_DATASET EXTRACT_.
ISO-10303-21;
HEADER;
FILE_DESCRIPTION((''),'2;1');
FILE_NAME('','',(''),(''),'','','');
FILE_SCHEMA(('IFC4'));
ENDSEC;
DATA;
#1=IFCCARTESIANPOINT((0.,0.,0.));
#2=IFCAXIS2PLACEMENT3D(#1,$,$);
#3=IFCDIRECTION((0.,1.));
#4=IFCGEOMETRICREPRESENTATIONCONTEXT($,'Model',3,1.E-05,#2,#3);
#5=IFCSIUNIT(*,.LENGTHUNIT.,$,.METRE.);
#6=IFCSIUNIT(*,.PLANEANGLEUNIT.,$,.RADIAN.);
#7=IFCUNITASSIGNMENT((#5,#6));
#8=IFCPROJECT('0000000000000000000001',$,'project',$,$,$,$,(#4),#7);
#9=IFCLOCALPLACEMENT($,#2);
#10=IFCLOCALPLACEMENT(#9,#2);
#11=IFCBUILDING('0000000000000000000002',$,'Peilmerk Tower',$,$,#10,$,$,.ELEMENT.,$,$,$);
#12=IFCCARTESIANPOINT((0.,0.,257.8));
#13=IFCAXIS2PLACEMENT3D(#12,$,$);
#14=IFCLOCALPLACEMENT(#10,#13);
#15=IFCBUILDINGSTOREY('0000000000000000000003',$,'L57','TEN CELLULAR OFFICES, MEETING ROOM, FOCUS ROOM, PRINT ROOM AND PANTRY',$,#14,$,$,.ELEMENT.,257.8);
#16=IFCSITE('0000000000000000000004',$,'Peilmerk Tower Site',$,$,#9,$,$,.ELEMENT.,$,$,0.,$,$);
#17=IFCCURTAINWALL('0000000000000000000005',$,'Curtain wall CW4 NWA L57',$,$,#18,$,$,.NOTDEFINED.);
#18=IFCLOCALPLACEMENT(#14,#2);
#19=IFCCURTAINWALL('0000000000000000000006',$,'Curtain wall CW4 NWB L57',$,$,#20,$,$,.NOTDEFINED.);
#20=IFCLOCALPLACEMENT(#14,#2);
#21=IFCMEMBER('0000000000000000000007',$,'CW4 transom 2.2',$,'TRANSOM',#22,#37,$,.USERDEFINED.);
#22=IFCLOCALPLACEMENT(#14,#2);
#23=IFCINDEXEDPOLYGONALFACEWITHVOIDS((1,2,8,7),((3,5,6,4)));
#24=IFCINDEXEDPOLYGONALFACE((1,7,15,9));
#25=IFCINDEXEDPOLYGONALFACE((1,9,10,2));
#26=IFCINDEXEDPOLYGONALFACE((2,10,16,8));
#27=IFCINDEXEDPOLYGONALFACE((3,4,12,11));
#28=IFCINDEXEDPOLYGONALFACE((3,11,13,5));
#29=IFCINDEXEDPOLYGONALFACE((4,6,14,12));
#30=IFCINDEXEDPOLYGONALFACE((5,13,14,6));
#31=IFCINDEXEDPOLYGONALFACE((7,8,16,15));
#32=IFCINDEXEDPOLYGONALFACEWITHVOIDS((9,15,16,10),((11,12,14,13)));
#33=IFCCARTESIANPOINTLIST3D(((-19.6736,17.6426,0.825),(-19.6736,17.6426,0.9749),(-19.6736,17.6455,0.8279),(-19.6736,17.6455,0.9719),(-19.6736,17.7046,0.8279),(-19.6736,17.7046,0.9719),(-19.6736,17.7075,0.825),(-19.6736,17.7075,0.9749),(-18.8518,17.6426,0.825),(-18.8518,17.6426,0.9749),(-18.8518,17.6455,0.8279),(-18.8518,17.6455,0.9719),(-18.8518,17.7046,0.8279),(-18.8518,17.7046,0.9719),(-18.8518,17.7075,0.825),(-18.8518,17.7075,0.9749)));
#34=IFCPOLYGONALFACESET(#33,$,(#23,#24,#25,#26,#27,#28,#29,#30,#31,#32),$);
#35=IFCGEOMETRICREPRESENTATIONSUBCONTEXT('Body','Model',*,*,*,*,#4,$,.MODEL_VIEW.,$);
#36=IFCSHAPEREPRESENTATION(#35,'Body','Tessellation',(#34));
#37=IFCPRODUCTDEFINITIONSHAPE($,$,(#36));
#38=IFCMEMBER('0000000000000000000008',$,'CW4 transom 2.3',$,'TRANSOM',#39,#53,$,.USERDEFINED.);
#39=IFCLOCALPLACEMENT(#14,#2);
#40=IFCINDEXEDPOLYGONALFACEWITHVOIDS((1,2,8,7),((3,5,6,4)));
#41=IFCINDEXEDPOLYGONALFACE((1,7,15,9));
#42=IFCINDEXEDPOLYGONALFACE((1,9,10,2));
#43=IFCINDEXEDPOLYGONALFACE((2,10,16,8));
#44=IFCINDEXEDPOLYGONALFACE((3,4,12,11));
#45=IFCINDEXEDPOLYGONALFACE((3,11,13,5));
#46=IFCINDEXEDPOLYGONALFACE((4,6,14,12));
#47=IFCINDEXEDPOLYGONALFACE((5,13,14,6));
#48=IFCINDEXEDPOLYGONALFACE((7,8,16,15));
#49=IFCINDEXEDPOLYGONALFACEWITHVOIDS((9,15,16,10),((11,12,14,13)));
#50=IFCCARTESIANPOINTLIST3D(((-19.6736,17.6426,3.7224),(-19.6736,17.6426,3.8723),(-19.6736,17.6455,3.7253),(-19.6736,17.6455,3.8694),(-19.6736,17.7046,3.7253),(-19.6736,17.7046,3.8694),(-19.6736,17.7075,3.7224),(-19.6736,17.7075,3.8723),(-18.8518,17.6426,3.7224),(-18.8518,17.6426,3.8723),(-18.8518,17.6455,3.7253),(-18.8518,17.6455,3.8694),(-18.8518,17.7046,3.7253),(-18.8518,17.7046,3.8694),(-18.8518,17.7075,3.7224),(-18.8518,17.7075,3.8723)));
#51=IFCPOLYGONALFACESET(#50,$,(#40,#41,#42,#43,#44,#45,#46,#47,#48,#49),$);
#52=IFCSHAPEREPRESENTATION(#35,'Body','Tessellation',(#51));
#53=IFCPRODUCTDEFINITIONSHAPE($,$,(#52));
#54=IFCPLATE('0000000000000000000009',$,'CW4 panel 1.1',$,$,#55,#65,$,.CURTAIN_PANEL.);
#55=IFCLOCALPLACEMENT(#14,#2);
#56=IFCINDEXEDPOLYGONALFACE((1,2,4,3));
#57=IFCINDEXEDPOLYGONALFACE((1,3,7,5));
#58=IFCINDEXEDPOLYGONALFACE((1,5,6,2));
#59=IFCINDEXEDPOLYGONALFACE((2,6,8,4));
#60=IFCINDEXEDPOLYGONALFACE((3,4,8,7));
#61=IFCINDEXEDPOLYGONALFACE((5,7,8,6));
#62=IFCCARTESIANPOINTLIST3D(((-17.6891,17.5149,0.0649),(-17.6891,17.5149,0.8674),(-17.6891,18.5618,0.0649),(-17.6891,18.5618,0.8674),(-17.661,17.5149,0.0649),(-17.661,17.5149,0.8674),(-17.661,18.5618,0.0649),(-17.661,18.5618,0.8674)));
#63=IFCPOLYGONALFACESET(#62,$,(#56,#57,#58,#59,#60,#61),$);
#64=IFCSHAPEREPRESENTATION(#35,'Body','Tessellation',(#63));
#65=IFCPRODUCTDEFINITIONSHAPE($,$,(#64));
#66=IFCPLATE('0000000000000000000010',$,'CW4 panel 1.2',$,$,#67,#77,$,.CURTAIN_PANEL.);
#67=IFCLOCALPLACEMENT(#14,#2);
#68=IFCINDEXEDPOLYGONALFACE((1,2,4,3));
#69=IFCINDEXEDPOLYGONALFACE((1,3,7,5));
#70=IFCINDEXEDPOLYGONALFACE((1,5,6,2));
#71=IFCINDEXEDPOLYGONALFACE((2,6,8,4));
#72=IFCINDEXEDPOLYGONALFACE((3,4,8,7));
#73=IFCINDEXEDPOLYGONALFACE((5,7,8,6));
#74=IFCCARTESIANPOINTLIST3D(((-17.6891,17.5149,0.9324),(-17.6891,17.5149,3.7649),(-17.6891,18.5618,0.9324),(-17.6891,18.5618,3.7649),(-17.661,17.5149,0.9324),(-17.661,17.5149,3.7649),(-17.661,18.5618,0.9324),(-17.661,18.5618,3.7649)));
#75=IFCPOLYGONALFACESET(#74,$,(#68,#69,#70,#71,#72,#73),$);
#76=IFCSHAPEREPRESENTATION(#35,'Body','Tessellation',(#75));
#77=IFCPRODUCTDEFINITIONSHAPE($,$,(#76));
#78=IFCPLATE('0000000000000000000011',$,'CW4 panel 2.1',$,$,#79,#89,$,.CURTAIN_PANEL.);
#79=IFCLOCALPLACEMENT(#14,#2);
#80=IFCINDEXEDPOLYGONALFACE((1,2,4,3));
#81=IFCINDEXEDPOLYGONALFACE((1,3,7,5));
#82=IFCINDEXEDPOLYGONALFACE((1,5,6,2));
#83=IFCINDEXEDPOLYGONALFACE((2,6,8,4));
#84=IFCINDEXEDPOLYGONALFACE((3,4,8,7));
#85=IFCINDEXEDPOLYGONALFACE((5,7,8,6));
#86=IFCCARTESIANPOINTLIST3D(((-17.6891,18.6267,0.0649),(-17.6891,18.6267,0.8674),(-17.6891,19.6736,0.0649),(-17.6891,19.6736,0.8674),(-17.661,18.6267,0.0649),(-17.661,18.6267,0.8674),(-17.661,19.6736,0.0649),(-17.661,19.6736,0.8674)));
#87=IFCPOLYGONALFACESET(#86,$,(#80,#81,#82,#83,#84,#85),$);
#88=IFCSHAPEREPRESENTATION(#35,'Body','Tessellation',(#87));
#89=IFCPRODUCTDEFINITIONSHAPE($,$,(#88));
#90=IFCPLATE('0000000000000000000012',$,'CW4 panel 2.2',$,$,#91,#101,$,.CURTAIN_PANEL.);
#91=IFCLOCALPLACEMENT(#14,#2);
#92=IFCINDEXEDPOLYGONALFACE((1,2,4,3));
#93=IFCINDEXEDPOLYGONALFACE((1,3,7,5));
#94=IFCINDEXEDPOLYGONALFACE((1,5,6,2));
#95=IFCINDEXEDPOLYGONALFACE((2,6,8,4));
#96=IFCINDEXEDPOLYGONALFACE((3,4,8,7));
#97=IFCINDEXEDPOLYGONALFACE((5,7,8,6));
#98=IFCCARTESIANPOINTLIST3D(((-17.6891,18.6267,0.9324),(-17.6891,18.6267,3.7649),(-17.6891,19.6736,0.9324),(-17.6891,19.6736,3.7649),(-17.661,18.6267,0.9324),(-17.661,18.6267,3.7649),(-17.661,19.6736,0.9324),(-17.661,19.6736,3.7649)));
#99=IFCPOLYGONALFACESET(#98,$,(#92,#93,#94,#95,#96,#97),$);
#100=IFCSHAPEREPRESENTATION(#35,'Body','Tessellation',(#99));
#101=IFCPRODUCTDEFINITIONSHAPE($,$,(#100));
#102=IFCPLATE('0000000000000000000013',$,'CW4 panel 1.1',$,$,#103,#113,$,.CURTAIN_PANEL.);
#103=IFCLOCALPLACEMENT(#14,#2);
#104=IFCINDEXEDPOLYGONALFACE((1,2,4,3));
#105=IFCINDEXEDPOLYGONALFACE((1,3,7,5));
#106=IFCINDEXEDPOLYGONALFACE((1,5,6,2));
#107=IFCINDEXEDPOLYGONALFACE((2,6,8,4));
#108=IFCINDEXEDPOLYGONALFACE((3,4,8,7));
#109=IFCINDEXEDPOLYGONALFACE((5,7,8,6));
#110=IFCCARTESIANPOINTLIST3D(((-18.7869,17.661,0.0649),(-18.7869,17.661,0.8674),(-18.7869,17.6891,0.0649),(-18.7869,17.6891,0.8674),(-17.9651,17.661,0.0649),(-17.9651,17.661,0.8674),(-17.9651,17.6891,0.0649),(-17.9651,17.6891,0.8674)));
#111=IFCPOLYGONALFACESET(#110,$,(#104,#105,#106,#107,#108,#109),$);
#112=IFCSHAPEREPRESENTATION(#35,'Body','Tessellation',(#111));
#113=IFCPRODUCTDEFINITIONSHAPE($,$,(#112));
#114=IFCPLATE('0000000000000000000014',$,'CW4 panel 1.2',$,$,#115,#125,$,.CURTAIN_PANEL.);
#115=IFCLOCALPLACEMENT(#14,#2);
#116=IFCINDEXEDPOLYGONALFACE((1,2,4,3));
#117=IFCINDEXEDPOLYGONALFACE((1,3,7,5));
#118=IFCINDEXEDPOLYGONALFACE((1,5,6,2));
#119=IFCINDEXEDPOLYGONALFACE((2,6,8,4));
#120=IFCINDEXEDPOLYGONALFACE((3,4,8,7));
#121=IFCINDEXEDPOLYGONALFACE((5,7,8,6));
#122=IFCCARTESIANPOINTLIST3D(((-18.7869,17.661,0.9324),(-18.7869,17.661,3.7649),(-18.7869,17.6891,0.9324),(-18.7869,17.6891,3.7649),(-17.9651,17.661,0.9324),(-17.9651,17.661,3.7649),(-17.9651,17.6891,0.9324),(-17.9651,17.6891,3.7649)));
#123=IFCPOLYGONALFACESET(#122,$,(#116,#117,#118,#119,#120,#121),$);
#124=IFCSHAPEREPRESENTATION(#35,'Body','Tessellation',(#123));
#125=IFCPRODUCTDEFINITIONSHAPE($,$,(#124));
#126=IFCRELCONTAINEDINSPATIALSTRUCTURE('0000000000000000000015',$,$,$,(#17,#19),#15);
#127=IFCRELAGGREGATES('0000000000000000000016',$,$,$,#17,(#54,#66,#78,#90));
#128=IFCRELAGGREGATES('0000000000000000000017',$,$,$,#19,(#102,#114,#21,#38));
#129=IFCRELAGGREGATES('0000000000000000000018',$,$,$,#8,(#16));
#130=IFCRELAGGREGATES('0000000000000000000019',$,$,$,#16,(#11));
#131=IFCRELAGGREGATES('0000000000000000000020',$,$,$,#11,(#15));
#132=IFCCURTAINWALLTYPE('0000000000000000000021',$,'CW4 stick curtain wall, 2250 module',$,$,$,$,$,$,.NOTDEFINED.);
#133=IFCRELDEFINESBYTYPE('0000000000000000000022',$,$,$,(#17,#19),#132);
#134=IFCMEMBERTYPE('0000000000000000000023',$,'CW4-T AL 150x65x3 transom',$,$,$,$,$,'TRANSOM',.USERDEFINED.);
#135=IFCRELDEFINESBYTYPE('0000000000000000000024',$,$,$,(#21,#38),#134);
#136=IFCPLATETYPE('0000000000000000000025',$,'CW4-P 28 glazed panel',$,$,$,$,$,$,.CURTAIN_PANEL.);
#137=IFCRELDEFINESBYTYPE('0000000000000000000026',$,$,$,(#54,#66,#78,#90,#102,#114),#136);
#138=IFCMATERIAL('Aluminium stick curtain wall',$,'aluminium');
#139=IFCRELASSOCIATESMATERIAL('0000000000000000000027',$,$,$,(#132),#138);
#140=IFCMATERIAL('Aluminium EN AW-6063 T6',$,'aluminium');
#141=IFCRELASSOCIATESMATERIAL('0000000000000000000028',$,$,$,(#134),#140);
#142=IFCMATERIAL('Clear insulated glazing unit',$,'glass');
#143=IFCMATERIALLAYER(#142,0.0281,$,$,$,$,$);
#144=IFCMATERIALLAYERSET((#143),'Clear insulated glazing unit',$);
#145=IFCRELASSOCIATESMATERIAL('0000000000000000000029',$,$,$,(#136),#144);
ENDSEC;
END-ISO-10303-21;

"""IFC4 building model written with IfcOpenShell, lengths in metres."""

from ifc_helpers import new_model, si_unit, direction, frame, origin, origin_2d, place, context, subcontext, project, spatial, rectangle, hollow_rectangle, extrude, material, layer, layer_set, material_profile, profile_set, type_object, element, aggregate, save


model = new_model("IFC4")

# Units and contexts
model_context = context("Model", 3, precision=1e-05, world=origin(), true_north=direction((0.0, 1.0)))
body_context = subcontext(model_context, "Body", "Model", "MODEL_VIEW")
ifc_project = project(units=[si_unit("LENGTHUNIT", "METRE"), si_unit("PLANEANGLEUNIT", "RADIAN")], contexts=[model_context])

# Site, building, storey
site_placement = place(None, origin())
site = spatial("IfcSite", under=ifc_project, at=site_placement, Name="Peilmerk Tower Site", CompositionType="ELEMENT", RefElevation=0.0)
building_placement = place(site_placement, origin())
building = spatial("IfcBuilding", under=site, at=building_placement, Name="Peilmerk Tower", CompositionType="ELEMENT")
storey_placement = place(building_placement, frame((0.0, 0.0, 257.8)))
storey = spatial("IfcBuildingStorey", under=building, at=storey_placement, Name="L57", Description="TEN CELLULAR OFFICES, MEETING ROOM, FOCUS ROOM, PRINT ROOM AND PANTRY", CompositionType="ELEMENT", Elevation=257.8)

# Curtain walls
ifc_material_1 = material(Name="Aluminium stick curtain wall", Category="aluminium")
curtain_wall_type = type_object("IfcCurtainWallType", Name="CW4 stick curtain wall, 2250 module", PredefinedType="NOTDEFINED", material=ifc_material_1)
curtain_wall_1_placement = place(storey_placement, origin())
curtain_wall_1 = element("IfcCurtainWall", 1, at=curtain_wall_1_placement, inside=storey, type_object=curtain_wall_type, Name="Curtain wall CW4 NWA L57", PredefinedType="NOTDEFINED")
ifc_material_2 = material(Name="Aluminium EN AW-6063 T6", Category="aluminium")
curtain_wall_2_placement = place(storey_placement, origin())
curtain_wall_2 = element("IfcCurtainWall", 2, at=curtain_wall_2_placement, inside=storey, type_object=curtain_wall_type, Name="Curtain wall CW4 NWB L57", PredefinedType="NOTDEFINED")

_YOUR INSTRUCTIONS_.
Repeat exactly the lines that run from the opening of the listing through the line holding "#18=IFCLOCALPLACEMENT(#14,#2);". Leave out everything else.

_TASK SOLUTION_.
ISO-10303-21;
HEADER;
FILE_DESCRIPTION((''),'2;1');
FILE_NAME('','',(''),(''),'','','');
FILE_SCHEMA(('IFC4'));
ENDSEC;
DATA;
#1=IFCCARTESIANPOINT((0.,0.,0.));
#2=IFCAXIS2PLACEMENT3D(#1,$,$);
#3=IFCDIRECTION((0.,1.));
#4=IFCGEOMETRICREPRESENTATIONCONTEXT($,'Model',3,1.E-05,#2,#3);
#5=IFCSIUNIT(*,.LENGTHUNIT.,$,.METRE.);
#6=IFCSIUNIT(*,.PLANEANGLEUNIT.,$,.RADIAN.);
#7=IFCUNITASSIGNMENT((#5,#6));
#8=IFCPROJECT('0000000000000000000001',$,'project',$,$,$,$,(#4),#7);
#9=IFCLOCALPLACEMENT($,#2);
#10=IFCLOCALPLACEMENT(#9,#2);
#11=IFCBUILDING('0000000000000000000002',$,'Peilmerk Tower',$,$,#10,$,$,.ELEMENT.,$,$,$);
#12=IFCCARTESIANPOINT((0.,0.,257.8));
#13=IFCAXIS2PLACEMENT3D(#12,$,$);
#14=IFCLOCALPLACEMENT(#10,#13);
#15=IFCBUILDINGSTOREY('0000000000000000000003',$,'L57','TEN CELLULAR OFFICES, MEETING ROOM, FOCUS ROOM, PRINT ROOM AND PANTRY',$,#14,$,$,.ELEMENT.,257.8);
#16=IFCSITE('0000000000000000000004',$,'Peilmerk Tower Site',$,$,#9,$,$,.ELEMENT.,$,$,0.,$,$);
#17=IFCCURTAINWALL('0000000000000000000005',$,'Curtain wall CW4 NWA L57',$,$,#18,$,$,.NOTDEFINED.);
#18=IFCLOCALPLACEMENT(#14,#2);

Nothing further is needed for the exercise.